• _What the task asks_:
From the line with "#44=IFCINDEXEDPOLYGONALFACE((1,2,4,3));" through the line with "#75=IFCPOLYGONALFACESET(#74,$,(#68,#69,#70,#71,#72,#73),$);", inclusive, return each line of the data below exactly and leave the rest out.

- Opening Delimiter -

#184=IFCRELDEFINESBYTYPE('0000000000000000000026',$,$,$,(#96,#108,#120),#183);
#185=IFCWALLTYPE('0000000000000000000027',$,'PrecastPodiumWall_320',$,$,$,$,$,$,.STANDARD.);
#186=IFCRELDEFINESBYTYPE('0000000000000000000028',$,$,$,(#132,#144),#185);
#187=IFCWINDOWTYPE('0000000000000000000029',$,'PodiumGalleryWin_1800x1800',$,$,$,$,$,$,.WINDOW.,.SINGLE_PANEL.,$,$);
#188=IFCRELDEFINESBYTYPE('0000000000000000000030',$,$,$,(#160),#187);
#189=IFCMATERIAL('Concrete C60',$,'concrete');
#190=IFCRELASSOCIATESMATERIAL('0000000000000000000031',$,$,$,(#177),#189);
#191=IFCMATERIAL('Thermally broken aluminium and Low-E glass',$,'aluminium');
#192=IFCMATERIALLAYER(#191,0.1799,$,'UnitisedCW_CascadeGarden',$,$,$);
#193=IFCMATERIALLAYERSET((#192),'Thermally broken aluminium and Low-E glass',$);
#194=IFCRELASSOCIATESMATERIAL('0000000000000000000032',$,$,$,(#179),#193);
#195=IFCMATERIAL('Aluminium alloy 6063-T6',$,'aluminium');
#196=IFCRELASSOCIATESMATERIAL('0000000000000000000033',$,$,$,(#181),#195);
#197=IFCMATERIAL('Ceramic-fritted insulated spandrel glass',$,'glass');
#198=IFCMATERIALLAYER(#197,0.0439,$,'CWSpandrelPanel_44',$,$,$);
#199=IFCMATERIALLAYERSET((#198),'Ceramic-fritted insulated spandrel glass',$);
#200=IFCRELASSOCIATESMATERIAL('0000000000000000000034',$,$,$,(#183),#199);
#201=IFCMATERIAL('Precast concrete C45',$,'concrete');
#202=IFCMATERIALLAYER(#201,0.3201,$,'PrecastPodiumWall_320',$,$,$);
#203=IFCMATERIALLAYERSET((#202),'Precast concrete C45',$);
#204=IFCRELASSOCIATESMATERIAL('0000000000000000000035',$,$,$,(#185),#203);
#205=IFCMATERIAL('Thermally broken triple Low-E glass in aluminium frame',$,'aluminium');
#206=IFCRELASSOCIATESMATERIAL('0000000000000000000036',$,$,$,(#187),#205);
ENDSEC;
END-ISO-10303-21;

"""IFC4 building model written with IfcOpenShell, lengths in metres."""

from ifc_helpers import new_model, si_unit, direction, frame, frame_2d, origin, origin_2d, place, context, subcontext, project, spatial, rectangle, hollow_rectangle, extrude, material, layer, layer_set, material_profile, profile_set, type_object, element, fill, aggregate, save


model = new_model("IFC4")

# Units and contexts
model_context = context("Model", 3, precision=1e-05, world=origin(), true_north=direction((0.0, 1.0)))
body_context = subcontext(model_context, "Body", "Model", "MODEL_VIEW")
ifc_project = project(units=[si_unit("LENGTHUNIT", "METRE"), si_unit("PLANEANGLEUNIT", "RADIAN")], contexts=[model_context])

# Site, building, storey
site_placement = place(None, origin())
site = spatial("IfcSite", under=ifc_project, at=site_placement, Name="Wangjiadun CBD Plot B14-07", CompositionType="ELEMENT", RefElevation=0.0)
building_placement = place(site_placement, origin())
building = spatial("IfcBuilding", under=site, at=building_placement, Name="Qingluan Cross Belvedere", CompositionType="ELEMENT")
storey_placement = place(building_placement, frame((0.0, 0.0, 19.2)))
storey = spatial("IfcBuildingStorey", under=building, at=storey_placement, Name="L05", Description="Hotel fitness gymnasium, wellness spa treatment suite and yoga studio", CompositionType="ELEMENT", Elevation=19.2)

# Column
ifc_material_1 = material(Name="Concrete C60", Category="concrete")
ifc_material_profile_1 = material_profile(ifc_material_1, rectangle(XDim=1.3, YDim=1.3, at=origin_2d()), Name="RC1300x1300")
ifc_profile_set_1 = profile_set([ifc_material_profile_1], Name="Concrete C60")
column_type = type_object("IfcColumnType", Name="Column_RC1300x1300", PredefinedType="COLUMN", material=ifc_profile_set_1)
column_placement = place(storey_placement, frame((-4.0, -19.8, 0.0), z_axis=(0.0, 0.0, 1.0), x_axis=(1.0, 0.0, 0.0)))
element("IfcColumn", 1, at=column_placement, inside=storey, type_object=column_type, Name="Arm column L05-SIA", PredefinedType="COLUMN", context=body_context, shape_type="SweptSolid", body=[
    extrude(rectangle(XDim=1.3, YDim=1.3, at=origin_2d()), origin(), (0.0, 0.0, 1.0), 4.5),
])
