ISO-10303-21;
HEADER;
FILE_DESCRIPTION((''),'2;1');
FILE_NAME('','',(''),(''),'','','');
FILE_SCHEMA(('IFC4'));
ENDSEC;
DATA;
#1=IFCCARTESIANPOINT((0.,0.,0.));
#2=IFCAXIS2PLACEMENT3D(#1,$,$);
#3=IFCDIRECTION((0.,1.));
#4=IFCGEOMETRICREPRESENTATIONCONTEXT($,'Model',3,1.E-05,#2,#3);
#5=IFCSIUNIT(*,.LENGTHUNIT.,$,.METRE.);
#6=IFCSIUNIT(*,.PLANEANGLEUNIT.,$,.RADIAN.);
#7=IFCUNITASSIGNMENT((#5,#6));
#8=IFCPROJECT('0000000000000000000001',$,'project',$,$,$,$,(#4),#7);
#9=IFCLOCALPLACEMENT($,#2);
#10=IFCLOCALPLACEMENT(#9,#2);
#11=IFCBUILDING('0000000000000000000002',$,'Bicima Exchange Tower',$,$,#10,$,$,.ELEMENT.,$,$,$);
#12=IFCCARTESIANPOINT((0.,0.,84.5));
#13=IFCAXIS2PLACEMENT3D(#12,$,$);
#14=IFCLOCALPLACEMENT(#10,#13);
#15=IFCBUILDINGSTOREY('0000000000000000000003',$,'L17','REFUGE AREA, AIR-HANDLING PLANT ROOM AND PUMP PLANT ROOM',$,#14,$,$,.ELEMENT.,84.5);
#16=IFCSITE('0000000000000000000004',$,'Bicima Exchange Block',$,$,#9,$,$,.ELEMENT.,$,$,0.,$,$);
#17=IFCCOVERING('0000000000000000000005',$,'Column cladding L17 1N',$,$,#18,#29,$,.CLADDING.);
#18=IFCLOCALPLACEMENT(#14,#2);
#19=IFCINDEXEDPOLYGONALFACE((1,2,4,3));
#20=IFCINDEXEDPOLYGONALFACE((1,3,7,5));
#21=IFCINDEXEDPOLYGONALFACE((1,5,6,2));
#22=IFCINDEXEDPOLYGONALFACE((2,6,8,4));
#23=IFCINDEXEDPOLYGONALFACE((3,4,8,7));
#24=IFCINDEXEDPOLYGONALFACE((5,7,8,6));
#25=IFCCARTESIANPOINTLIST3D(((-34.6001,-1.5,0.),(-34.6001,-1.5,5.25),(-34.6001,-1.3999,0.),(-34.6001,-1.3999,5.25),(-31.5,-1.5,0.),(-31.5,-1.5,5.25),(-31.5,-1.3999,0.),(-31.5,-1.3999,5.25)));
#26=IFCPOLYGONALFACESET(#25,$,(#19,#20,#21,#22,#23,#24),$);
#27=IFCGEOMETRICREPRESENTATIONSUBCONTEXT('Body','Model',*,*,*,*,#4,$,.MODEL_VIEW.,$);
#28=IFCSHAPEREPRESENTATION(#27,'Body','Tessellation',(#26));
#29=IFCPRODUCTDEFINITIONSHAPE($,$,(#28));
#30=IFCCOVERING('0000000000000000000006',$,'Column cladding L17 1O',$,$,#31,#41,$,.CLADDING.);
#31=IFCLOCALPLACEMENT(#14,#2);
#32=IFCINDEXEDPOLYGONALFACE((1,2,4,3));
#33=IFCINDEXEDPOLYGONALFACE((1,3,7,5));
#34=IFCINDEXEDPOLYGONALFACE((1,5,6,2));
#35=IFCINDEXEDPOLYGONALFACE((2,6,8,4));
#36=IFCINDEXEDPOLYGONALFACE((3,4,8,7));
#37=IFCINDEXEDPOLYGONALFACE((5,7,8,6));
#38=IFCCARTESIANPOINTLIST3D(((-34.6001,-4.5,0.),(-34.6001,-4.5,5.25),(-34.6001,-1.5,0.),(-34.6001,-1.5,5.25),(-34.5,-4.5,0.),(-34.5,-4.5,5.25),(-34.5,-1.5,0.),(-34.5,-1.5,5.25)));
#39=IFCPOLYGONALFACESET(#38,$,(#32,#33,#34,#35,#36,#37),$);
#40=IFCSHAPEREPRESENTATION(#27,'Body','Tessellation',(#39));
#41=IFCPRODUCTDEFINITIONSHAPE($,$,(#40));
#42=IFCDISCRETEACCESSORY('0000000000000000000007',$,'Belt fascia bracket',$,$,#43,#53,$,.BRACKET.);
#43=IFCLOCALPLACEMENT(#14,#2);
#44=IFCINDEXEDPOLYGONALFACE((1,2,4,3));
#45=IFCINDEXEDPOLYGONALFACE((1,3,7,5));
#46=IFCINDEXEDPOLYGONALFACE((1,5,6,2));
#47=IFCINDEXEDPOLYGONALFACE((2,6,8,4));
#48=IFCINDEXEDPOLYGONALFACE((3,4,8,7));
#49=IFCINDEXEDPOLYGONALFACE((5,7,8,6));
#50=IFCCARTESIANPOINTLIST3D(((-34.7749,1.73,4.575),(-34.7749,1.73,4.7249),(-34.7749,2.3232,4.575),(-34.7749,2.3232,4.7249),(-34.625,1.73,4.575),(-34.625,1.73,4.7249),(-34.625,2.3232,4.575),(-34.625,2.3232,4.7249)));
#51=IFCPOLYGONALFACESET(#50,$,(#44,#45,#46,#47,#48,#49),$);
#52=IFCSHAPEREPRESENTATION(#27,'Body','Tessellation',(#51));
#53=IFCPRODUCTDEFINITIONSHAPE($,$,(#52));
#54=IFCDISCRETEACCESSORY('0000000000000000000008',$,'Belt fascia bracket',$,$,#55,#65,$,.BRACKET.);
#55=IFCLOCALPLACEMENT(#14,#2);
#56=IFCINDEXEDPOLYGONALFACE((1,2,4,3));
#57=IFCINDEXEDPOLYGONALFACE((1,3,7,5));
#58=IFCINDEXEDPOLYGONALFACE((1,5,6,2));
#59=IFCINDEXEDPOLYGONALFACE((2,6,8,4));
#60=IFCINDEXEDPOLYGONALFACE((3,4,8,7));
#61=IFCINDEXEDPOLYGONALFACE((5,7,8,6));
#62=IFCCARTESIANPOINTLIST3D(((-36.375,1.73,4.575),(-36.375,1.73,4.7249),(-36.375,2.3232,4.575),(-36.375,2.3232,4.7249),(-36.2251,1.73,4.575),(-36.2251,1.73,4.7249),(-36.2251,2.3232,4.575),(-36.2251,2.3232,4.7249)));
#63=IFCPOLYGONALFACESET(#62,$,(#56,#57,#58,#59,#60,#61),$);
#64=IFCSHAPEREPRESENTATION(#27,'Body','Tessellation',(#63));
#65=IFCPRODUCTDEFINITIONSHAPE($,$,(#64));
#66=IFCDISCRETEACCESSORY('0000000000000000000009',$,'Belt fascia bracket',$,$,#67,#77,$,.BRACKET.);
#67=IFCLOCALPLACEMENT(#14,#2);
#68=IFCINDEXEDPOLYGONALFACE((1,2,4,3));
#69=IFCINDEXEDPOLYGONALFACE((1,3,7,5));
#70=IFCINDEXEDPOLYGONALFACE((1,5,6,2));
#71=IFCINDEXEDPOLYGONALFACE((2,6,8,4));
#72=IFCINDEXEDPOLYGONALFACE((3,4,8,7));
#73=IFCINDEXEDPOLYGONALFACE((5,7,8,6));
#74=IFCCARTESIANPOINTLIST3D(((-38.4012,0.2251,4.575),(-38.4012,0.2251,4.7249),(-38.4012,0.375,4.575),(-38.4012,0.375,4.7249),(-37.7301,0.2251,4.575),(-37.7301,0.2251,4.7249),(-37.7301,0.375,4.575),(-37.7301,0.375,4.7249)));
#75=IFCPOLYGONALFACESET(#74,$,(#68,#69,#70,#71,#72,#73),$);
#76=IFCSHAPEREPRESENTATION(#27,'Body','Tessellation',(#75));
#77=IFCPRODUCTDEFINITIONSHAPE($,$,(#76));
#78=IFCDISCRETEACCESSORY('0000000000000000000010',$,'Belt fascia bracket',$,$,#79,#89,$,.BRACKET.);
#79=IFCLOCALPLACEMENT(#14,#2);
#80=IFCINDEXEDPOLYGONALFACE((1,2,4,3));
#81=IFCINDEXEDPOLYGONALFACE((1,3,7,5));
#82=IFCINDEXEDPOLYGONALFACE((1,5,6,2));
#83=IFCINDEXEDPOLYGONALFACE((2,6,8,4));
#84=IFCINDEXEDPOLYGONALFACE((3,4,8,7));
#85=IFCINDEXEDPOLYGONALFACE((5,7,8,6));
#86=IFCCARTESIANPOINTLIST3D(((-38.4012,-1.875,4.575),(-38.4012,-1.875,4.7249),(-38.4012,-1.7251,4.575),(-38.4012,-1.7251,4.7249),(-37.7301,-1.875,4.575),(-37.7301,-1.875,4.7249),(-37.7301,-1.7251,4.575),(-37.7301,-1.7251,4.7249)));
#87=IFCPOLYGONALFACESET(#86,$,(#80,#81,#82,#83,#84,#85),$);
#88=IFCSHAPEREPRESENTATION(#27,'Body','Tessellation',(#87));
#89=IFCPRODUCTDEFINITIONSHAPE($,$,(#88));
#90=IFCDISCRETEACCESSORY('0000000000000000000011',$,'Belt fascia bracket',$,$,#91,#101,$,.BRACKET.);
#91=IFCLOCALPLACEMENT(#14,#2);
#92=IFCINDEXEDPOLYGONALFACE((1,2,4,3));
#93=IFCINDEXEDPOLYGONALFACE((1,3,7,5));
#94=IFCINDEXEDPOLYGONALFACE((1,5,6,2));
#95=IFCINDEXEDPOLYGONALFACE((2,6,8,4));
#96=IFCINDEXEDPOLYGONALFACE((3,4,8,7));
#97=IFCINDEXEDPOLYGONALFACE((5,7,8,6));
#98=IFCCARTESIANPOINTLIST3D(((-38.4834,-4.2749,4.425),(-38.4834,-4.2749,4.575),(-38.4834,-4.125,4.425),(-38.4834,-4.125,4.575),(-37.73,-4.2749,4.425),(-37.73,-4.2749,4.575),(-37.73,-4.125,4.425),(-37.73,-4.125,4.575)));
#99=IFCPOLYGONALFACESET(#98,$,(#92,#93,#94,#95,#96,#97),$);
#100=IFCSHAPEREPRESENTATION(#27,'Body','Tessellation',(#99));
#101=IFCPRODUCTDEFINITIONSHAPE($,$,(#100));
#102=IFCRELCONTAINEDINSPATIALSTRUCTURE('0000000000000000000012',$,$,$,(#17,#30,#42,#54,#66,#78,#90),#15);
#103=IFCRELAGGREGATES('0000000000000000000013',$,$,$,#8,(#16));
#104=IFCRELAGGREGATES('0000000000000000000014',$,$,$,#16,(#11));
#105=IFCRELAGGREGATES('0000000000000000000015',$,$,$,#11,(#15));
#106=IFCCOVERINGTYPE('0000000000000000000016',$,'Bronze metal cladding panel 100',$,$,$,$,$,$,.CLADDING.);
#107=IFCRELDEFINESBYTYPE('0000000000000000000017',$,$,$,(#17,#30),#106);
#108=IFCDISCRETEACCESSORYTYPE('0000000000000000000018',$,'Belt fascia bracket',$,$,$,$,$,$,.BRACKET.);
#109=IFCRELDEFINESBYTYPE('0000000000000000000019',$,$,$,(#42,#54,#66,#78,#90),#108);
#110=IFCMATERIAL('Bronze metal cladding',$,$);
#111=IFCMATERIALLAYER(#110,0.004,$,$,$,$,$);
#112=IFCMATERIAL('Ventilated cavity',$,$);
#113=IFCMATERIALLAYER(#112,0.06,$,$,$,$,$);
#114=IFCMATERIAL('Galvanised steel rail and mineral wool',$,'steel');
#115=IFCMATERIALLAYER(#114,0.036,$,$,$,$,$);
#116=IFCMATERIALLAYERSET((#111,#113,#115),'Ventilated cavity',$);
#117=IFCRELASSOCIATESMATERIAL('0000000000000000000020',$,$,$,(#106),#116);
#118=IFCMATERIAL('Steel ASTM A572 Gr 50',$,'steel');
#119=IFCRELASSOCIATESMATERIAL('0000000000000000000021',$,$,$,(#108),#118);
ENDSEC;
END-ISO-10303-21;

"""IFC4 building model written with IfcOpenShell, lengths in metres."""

from ifc_helpers import new_model, si_unit, direction, frame, origin, origin_2d, place, context, subcontext, project, spatial, rectangle, extrude, material, layer, layer_set, type_object, element, save


model = new_model("IFC4")

# Units and contexts
model_context = context("Model", 3, precision=1e-05, world=origin(), true_north=direction((0.0, 1.0)))
body_context = subcontext(model_context, "Body", "Model", "MODEL_VIEW")
ifc_project = project(units=[si_unit("LENGTHUNIT", "METRE"), si_unit("PLANEANGLEUNIT", "RADIAN")], contexts=[model_context])

# Site, building, storey
site_placement = place(None, origin())
site = spatial("IfcSite", under=ifc_project, at=site_placement, Name="Bicima Exchange Block", CompositionType="ELEMENT", RefElevation=0.0)
building_placement = place(site_placement, origin())
building = spatial("IfcBuilding", under=site, at=building_placement, Name="Bicima Exchange Tower", CompositionType="ELEMENT")
storey_placement = place(building_placement, frame((0.0, 0.0, 84.5)))
storey = spatial("IfcBuildingStorey", under=building, at=storey_placement, Name="L17", Description="REFUGE AREA, AIR-HANDLING PLANT ROOM AND PUMP PLANT ROOM", CompositionType="ELEMENT", Elevation=84.5)

# Shared definitions
ifc_material_1 = material(Name="Steel ASTM A572 Gr 50", Category="steel")

# Coverings
ifc_material_2 = material(Name="Bronze metal cladding")
ifc_layer_1 = layer(ifc_material_2, 0.004)
ifc_material_3 = material(Name="Ventilated cavity")
ifc_layer_2 = layer(ifc_material_3, 0.06)
ifc_material_4 = material(Name="Galvanised steel rail and mineral wool", Category="steel")
ifc_layer_3 = layer(ifc_material_4, 0.036)
ifc_layer_set_1 = layer_set([ifc_layer_1, ifc_layer_2, ifc_layer_3], Name="Ventilated cavity")
covering_type = type_object("IfcCoveringType", Name="Bronze metal cladding panel 100", PredefinedType="CLADDING", material=ifc_layer_set_1)
covering_1_placement = place(storey_placement, frame((-33.05, -1.45, 0.0), z_axis=(0.0, 0.0, 1.0), x_axis=(1.0, 0.0, 0.0)))
element("IfcCovering", 1, at=covering_1_placement, inside=storey, type_object=covering_type, Name="Column cladding L17 1N", PredefinedType="CLADDING", context=body_context, shape_type="SweptSolid", body=[
    extrude(rectangle(XDim=3.1001, YDim=0.1001, at=origin_2d()), origin(), (0.0, 0.0, 1.0), 5.25),
])
covering_2_placement = place(storey_placement, frame((-34.55, -3.0, 0.0), z_axis=(0.0, 0.0, 1.0), x_axis=(1.0, 0.0, 0.0)))
element("IfcCovering", 2, at=covering_2_placement, inside=storey, type_object=covering_type, Name="Column cladding L17 1O", PredefinedType="CLADDING", context=body_context, shape_type="SweptSolid", body=[
    extrude(rectangle(XDim=0.1001, YDim=3.0, at=origin_2d()), origin(), (0.0, 0.0, 1.0), 5.25),
])

# Discrete accessories
discrete_accessory_type = type_object("IfcDiscreteAccessoryType", Name="Belt fascia bracket", PredefinedType="BRACKET", material=ifc_material_1)
for number, where, z_axis, x_axis, name in (
    (3, (-34.7, 2.0266, 4.575), (0.0, 0.0, 1.0), (-1.0, 0.0, 0.0), "Belt fascia bracket"),
    (4, (-36.3, 2.0266, 4.575), (0.0, 0.0, 1.0), (-1.0, 0.0, 0.0), "Belt fascia bracket"),
):
    element("IfcDiscreteAccessory", number, at=place(storey_placement, frame(where, z_axis=z_axis, x_axis=x_axis)), inside=storey, type_object=discrete_accessory_type, Name=name, PredefinedType="BRACKET", context=body_context, shape_type="SweptSolid", body=[
        extrude(rectangle(XDim=0.1499, YDim=0.5933, at=origin_2d()), origin(), (0.0, 0.0, 1.0), 0.1499),
    ])
for number, where, z_axis, x_axis, name in (
    (5, (-38.0657, 0.3, 4.575), (0.0, 0.0, 1.0), (0.0, -1.0, 0.0), "Belt fascia bracket"),
    (6, (-38.0657, -1.8, 4.575), (0.0, 0.0, 1.0), (0.0, -1.0, 0.0), "Belt fascia bracket"),
):
    element("IfcDiscreteAccessory", number, at=place(storey_placement, frame(where, z_axis=z_axis, x_axis=x_axis)), inside=storey, type_object=discrete_accessory_type, Name=name, PredefinedType="BRACKET", context=body_context, shape_type="SweptSolid", body=[
        extrude(rectangle(XDim=0.1499, YDim=0.6711, at=origin_2d()), origin(), (0.0, 0.0, 1.0), 0.1499),
    ])
discrete_accessory_placement = place(storey_placement, frame((-38.1067, -4.2, 4.425), z_axis=(0.0, 0.0, 1.0), x_axis=(0.0, -1.0, 0.0)))
element("IfcDiscreteAccessory", 7, at=discrete_accessory_placement, inside=storey, type_object=discrete_accessory_type, Name="Belt fascia bracket", PredefinedType="BRACKET", context=body_context, shape_type="SweptSolid", body=[
    extrude(rectangle(XDim=0.1499, YDim=0.7534, at=origin_2d()), origin(), (0.0, 0.0, 1.0), 0.1499),
])

save(model, "model.ifc")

- Closing Delimiter -

• _Response below_:
#44=IFCINDEXEDPOLYGONALFACE((1,2,4,3));
#45=IFCINDEXEDPOLYGONALFACE((1,3,7,5));
#46=IFCINDEXEDPOLYGONALFACE((1,5,6,2));
#47=IFCINDEXEDPOLYGONALFACE((2,6,8,4));
#48=IFCINDEXEDPOLYGONALFACE((3,4,8,7));
#49=IFCINDEXEDPOLYGONALFACE((5,7,8,6));
#50=IFCCARTESIANPOINTLIST3D(((-34.7749,1.73,4.575),(-34.7749,1.73,4.7249),(-34.7749,2.3232,4.575),(-34.7749,2.3232,4.7249),(-34.625,1.73,4.575),(-34.625,1.73,4.7249),(-34.625,2.3232,4.575),(-34.625,2.3232,4.7249)));
#51=IFCPOLYGONALFACESET(#50,$,(#44,#45,#46,#47,#48,#49),$);
#52=IFCSHAPEREPRESENTATION(#27,'Body','Tessellation',(#51));
#53=IFCPRODUCTDEFINITIONSHAPE($,$,(#52));
#54=IFCDISCRETEACCESSORY('0000000000000000000008',$,'Belt fascia bracket',$,$,#55,#65,$,.BRACKET.);
#55=IFCLOCALPLACEMENT(#14,#2);
#56=IFCINDEXEDPOLYGONALFACE((1,2,4,3));
#57=IFCINDEXEDPOLYGONALFACE((1,3,7,5));
#58=IFCINDEXEDPOLYGONALFACE((1,5,6,2));
#59=IFCINDEXEDPOLYGONALFACE((2,6,8,4));
#60=IFCINDEXEDPOLYGONALFACE((3,4,8,7));
#61=IFCINDEXEDPOLYGONALFACE((5,7,8,6));
#62=IFCCARTESIANPOINTLIST3D(((-36.375,1.73,4.575),(-36.375,1.73,4.7249),(-36.375,2.3232,4.575),(-36.375,2.3232,4.7249),(-36.2251,1.73,4.575),(-36.2251,1.73,4.7249),(-36.2251,2.3232,4.575),(-36.2251,2.3232,4.7249)));
#63=IFCPOLYGONALFACESET(#62,$,(#56,#57,#58,#59,#60,#61),$);
#64=IFCSHAPEREPRESENTATION(#27,'Body','Tessellation',(#63));
#65=IFCPRODUCTDEFINITIONSHAPE($,$,(#64));
#66=IFCDISCRETEACCESSORY('0000000000000000000009',$,'Belt fascia bracket',$,$,#67,#77,$,.BRACKET.);
#67=IFCLOCALPLACEMENT(#14,#2);
#68=IFCINDEXEDPOLYGONALFACE((1,2,4,3));
#69=IFCINDEXEDPOLYGONALFACE((1,3,7,5));
#70=IFCINDEXEDPOLYGONALFACE((1,5,6,2));
#71=IFCINDEXEDPOLYGONALFACE((2,6,8,4));
#72=IFCINDEXEDPOLYGONALFACE((3,4,8,7));
#73=IFCINDEXEDPOLYGONALFACE((5,7,8,6));
#74=IFCCARTESIANPOINTLIST3D(((-38.4012,0.2251,4.575),(-38.4012,0.2251,4.7249),(-38.4012,0.375,4.575),(-38.4012,0.375,4.7249),(-37.7301,0.2251,4.575),(-37.7301,0.2251,4.7249),(-37.7301,0.375,4.575),(-37.7301,0.375,4.7249)));
#75=IFCPOLYGONALFACESET(#74,$,(#68,#69,#70,#71,#72,#73),$);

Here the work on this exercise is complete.